Exercise details
All lines in the data bearing the string "IFCBEAMTYPE" should be identified and copied.

(Beginning of Material for this task)

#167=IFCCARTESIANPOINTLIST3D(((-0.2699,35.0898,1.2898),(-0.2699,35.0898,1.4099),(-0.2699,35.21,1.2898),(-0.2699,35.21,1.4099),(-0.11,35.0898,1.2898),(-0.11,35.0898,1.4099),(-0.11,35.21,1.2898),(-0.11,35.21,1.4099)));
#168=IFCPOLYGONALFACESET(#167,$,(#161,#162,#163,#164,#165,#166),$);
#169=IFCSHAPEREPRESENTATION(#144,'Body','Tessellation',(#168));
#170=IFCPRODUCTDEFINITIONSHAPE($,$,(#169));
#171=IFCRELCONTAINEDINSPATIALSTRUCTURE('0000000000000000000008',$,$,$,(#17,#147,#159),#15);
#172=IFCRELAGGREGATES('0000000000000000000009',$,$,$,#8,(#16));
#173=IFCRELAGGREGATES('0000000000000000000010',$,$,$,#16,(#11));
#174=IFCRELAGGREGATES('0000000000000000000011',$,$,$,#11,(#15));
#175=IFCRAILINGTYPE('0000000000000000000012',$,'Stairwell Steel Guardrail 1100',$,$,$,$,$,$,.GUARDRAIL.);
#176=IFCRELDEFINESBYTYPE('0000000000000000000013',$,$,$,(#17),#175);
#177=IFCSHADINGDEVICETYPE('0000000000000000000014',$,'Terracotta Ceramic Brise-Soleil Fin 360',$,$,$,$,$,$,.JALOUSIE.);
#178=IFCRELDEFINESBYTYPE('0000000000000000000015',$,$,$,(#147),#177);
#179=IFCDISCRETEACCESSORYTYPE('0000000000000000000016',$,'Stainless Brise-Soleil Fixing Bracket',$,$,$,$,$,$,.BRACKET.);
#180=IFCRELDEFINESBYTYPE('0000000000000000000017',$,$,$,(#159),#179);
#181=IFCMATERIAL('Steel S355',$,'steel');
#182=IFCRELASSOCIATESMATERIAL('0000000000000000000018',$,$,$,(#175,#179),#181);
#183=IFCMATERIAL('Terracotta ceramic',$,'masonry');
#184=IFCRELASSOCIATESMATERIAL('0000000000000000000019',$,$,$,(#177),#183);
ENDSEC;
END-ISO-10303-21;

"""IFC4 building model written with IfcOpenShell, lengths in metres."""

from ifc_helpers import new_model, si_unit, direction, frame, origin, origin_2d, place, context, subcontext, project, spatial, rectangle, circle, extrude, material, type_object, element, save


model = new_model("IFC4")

(End of Material for this task)
(Beginning of Material for this task)

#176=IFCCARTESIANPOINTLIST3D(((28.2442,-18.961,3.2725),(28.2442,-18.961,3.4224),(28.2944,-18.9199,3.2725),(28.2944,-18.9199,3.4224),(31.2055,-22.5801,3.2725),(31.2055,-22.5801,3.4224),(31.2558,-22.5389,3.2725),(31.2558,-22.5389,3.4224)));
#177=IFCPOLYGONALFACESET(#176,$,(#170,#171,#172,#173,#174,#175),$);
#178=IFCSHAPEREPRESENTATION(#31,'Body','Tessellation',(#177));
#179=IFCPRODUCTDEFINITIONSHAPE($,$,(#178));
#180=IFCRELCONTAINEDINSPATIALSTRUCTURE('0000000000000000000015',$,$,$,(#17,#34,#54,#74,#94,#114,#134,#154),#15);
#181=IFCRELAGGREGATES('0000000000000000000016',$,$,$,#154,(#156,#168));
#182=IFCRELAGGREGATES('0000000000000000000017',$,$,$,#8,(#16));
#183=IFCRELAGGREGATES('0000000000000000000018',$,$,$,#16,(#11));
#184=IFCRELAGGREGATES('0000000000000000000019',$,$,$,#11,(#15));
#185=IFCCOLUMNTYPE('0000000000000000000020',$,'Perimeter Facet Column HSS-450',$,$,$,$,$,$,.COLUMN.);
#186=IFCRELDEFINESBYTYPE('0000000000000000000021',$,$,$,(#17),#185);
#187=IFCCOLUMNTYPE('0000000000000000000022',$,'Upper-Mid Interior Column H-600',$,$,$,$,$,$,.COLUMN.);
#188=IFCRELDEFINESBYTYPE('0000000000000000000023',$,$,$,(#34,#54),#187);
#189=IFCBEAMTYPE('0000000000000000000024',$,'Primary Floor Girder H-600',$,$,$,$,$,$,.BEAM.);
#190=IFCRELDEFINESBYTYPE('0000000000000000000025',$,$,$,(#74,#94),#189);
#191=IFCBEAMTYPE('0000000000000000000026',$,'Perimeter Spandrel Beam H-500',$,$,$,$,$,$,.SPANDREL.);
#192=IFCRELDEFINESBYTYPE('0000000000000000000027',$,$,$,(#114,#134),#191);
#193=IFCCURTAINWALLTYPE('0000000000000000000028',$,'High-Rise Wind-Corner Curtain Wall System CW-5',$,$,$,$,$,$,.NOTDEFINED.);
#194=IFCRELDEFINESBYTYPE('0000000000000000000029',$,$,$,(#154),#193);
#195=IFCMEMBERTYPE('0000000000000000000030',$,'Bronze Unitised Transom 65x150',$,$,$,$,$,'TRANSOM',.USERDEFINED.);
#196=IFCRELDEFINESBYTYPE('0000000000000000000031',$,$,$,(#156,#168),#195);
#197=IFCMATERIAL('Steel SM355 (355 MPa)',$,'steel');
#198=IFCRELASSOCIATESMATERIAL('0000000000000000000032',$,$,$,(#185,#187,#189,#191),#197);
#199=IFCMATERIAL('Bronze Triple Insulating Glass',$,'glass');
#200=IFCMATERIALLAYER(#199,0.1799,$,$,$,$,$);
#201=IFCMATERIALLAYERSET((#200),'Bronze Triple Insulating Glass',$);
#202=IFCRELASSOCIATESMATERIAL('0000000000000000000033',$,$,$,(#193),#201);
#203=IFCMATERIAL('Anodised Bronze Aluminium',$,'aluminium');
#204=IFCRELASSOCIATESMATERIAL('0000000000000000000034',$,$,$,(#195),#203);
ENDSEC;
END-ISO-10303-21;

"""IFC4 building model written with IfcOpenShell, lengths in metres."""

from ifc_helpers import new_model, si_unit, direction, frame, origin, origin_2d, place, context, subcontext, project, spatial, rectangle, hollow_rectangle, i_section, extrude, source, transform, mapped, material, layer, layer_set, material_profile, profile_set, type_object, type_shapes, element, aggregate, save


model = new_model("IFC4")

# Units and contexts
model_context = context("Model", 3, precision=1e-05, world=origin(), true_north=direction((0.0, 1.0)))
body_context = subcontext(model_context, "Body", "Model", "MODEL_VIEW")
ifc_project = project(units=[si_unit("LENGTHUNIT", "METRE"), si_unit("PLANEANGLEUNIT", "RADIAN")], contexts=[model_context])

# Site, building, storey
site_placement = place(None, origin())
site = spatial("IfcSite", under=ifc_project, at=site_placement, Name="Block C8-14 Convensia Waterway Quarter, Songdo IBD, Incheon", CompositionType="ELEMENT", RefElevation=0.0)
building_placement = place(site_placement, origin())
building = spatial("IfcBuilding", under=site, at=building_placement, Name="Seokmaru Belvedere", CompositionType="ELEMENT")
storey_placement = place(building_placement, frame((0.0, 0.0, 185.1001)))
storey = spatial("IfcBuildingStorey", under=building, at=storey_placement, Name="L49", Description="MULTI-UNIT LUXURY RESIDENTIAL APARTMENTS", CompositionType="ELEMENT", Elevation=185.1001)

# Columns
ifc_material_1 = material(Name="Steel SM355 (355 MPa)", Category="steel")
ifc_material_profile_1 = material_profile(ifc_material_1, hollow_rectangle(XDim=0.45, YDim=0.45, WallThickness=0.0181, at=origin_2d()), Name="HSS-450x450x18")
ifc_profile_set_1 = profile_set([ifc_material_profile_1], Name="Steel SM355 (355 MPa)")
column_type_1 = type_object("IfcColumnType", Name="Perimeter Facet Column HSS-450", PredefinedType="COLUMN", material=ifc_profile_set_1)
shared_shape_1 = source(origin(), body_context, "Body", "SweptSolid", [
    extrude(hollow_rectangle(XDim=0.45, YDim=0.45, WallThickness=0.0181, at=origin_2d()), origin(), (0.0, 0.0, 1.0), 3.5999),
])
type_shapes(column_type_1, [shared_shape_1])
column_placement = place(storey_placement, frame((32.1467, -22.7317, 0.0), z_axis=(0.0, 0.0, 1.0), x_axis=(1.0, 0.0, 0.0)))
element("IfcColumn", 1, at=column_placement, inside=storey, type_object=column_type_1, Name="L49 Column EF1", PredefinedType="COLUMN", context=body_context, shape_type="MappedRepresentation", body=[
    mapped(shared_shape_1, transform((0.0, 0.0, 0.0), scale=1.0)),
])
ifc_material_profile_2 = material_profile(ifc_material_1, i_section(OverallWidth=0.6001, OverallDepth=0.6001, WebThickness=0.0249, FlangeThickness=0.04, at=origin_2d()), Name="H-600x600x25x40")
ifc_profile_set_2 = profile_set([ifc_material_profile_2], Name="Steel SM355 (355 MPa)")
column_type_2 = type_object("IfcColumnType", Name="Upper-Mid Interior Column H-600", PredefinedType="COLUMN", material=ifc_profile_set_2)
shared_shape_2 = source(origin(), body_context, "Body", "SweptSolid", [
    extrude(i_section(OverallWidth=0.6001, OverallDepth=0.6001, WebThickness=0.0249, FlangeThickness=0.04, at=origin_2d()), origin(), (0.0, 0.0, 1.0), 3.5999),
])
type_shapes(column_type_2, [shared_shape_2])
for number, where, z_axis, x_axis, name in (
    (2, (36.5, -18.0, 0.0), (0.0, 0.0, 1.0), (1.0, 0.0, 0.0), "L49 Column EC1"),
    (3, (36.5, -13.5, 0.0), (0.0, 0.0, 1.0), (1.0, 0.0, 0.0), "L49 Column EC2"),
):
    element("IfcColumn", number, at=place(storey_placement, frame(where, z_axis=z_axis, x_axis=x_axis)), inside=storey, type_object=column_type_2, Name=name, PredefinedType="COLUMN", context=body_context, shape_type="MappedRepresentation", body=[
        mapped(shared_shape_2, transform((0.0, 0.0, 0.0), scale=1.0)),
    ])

(End of Material for this task)

Solution below
#189=IFCBEAMTYPE('0000000000000000000024',$,'Primary Floor Girder H-600',$,$,$,$,$,$,.BEAM.);
#191=IFCBEAMTYPE('0000000000000000000026',$,'Perimeter Spandrel Beam H-500',$,$,$,$,$,$,.SPANDREL.);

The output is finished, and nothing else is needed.